What is required: Which lines of the listing hold the string "number"? Show each of them.

Given entries:
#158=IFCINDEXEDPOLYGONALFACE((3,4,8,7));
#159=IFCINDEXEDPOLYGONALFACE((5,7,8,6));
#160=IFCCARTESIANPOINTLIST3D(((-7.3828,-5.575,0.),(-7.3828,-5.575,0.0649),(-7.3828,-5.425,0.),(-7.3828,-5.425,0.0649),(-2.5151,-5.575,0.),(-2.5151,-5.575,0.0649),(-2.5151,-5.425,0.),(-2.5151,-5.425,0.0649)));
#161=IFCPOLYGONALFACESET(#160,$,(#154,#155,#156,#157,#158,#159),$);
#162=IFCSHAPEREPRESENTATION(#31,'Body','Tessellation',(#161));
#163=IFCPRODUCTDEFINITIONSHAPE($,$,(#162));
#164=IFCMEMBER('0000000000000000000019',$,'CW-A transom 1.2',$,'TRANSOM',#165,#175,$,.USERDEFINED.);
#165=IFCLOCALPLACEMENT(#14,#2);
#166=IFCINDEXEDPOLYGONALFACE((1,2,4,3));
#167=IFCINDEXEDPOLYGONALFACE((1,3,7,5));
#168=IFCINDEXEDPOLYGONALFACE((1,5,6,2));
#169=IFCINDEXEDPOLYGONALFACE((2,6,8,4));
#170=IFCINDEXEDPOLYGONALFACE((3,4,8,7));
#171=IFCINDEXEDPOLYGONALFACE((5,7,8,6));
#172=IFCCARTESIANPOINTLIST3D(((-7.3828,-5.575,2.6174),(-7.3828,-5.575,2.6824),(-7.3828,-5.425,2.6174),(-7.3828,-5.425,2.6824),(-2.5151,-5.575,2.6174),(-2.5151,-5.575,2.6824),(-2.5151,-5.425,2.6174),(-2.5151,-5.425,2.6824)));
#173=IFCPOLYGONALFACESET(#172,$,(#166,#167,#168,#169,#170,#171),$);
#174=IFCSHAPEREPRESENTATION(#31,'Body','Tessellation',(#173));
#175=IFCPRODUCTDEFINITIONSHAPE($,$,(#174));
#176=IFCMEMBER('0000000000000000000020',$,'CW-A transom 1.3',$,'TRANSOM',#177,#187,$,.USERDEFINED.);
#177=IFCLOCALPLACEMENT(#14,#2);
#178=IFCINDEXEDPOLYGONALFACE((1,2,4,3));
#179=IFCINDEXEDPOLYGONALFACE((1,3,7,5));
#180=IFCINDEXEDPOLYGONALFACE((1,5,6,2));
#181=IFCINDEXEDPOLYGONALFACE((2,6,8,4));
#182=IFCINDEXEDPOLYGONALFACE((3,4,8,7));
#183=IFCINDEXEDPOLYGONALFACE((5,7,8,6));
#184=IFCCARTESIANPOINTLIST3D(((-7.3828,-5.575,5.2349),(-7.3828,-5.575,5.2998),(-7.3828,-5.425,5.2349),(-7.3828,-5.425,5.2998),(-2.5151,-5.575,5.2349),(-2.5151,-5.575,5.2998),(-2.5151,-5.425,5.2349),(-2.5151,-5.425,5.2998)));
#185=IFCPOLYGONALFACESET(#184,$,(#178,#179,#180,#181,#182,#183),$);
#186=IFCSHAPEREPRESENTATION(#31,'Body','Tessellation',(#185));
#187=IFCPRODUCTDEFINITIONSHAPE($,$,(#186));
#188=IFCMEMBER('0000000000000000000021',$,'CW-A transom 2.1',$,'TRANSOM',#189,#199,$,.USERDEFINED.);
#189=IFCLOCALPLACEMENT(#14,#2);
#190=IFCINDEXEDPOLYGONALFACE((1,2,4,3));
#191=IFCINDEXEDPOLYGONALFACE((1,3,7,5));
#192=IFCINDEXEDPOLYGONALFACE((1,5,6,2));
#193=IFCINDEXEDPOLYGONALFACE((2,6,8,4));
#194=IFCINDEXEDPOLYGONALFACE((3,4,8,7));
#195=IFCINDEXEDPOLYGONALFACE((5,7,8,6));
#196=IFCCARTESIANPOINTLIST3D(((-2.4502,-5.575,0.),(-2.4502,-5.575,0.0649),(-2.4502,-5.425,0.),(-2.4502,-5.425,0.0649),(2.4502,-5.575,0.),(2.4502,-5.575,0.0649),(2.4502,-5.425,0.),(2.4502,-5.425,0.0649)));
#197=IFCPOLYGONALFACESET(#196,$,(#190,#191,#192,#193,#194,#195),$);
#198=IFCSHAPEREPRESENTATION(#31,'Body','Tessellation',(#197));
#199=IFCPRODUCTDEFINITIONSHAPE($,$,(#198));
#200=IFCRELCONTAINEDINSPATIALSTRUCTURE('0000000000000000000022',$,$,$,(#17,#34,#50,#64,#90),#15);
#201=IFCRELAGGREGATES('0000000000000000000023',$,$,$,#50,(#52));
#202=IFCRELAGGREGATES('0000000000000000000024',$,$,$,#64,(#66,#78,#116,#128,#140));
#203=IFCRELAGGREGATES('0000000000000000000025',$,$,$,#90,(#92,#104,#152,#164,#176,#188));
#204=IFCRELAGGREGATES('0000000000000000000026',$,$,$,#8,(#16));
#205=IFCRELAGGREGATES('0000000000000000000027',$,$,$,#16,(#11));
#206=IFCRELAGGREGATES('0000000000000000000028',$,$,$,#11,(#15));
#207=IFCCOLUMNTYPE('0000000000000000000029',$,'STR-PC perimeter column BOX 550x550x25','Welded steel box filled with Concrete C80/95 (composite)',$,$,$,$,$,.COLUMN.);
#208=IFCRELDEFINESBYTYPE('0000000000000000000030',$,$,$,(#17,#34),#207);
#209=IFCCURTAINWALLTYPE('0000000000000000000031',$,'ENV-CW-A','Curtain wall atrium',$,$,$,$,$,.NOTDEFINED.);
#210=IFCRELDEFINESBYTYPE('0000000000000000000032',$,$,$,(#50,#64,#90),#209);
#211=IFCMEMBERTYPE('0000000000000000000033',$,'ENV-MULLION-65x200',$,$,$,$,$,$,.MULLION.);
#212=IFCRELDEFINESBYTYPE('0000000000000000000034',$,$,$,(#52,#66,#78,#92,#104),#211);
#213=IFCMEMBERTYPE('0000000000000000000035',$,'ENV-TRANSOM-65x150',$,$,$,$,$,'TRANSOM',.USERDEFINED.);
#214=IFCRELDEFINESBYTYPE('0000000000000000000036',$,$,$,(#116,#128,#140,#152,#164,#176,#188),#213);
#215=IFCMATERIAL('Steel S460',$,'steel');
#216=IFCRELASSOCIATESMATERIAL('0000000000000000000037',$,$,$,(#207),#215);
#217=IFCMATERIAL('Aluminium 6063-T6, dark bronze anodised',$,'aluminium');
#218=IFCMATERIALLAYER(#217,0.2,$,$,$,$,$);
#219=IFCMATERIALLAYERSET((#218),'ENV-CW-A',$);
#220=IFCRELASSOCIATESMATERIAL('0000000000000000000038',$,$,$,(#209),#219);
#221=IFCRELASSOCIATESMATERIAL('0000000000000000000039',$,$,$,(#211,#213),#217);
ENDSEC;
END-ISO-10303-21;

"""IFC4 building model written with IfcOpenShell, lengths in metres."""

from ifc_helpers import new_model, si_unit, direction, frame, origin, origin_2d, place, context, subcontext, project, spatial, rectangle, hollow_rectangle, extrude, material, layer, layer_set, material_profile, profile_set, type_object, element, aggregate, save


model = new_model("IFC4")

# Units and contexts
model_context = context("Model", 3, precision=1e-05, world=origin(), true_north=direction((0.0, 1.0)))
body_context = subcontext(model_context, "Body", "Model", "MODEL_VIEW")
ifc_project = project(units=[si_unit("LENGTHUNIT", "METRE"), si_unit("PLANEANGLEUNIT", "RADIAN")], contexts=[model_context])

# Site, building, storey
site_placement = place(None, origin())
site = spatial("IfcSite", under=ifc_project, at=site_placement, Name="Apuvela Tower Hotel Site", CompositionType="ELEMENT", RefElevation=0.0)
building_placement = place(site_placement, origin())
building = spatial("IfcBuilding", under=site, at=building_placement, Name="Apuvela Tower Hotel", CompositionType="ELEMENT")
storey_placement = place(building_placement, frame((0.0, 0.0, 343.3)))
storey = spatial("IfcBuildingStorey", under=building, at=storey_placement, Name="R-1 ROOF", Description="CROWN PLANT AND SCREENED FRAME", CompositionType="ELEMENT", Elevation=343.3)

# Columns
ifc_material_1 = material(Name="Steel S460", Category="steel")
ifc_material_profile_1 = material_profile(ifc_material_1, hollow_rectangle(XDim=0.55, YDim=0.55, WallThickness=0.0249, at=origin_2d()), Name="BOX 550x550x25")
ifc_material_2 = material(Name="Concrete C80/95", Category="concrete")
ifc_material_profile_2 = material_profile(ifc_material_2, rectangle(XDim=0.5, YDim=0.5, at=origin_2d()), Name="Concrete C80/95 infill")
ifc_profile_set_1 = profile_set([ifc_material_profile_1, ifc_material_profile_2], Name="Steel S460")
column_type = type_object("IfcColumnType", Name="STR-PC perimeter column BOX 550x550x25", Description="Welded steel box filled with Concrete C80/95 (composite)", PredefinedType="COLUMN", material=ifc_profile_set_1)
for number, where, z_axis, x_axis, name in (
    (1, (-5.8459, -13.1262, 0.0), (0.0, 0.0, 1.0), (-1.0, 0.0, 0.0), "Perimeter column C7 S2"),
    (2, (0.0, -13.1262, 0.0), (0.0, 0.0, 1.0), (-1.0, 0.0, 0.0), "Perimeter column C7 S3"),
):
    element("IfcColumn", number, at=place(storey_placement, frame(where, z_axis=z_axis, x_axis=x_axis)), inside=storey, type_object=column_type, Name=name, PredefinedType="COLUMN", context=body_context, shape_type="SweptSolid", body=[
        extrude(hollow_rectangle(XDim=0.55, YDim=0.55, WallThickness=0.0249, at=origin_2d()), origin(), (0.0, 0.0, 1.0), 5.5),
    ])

--

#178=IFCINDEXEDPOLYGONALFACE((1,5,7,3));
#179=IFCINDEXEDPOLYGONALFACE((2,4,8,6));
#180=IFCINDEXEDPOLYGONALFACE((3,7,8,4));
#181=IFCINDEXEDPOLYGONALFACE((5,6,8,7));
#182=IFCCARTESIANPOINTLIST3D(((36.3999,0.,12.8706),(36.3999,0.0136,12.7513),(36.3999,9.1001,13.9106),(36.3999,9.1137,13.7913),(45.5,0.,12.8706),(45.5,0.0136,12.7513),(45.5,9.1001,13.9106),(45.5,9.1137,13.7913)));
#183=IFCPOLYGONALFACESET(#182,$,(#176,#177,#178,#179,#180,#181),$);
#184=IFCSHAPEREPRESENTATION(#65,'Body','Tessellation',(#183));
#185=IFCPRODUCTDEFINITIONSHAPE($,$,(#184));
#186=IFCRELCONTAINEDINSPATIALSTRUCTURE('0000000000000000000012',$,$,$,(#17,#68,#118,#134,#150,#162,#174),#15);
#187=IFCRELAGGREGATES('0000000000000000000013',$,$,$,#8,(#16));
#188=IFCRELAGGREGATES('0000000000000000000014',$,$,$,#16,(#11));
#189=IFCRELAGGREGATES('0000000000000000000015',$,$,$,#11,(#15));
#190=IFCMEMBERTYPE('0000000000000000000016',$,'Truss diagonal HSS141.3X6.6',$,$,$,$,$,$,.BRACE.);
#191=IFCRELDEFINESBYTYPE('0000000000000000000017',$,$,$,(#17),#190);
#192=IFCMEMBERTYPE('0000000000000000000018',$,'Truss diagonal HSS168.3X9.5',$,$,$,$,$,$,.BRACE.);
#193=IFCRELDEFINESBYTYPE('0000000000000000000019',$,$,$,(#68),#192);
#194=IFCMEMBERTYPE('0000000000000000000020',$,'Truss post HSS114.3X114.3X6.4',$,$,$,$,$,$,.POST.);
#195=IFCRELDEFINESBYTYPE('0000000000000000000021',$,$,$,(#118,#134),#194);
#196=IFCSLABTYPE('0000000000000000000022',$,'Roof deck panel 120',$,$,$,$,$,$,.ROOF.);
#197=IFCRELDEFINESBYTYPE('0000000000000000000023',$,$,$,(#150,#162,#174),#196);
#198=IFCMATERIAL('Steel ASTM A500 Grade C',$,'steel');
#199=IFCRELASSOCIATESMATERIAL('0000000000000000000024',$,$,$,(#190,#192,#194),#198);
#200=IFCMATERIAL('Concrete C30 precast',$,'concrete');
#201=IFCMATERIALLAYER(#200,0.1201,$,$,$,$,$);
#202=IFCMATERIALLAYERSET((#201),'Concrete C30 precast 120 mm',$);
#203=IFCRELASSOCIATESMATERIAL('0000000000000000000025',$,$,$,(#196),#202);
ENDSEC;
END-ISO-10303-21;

Task output:
for number, where, z_axis, x_axis, name in (
    element("IfcColumn", number, at=place(storey_placement, frame(where, z_axis=z_axis, x_axis=x_axis)), inside=storey, type_object=column_type, Name=name, PredefinedType="COLUMN", context=body_context, shape_type="SweptSolid", body=[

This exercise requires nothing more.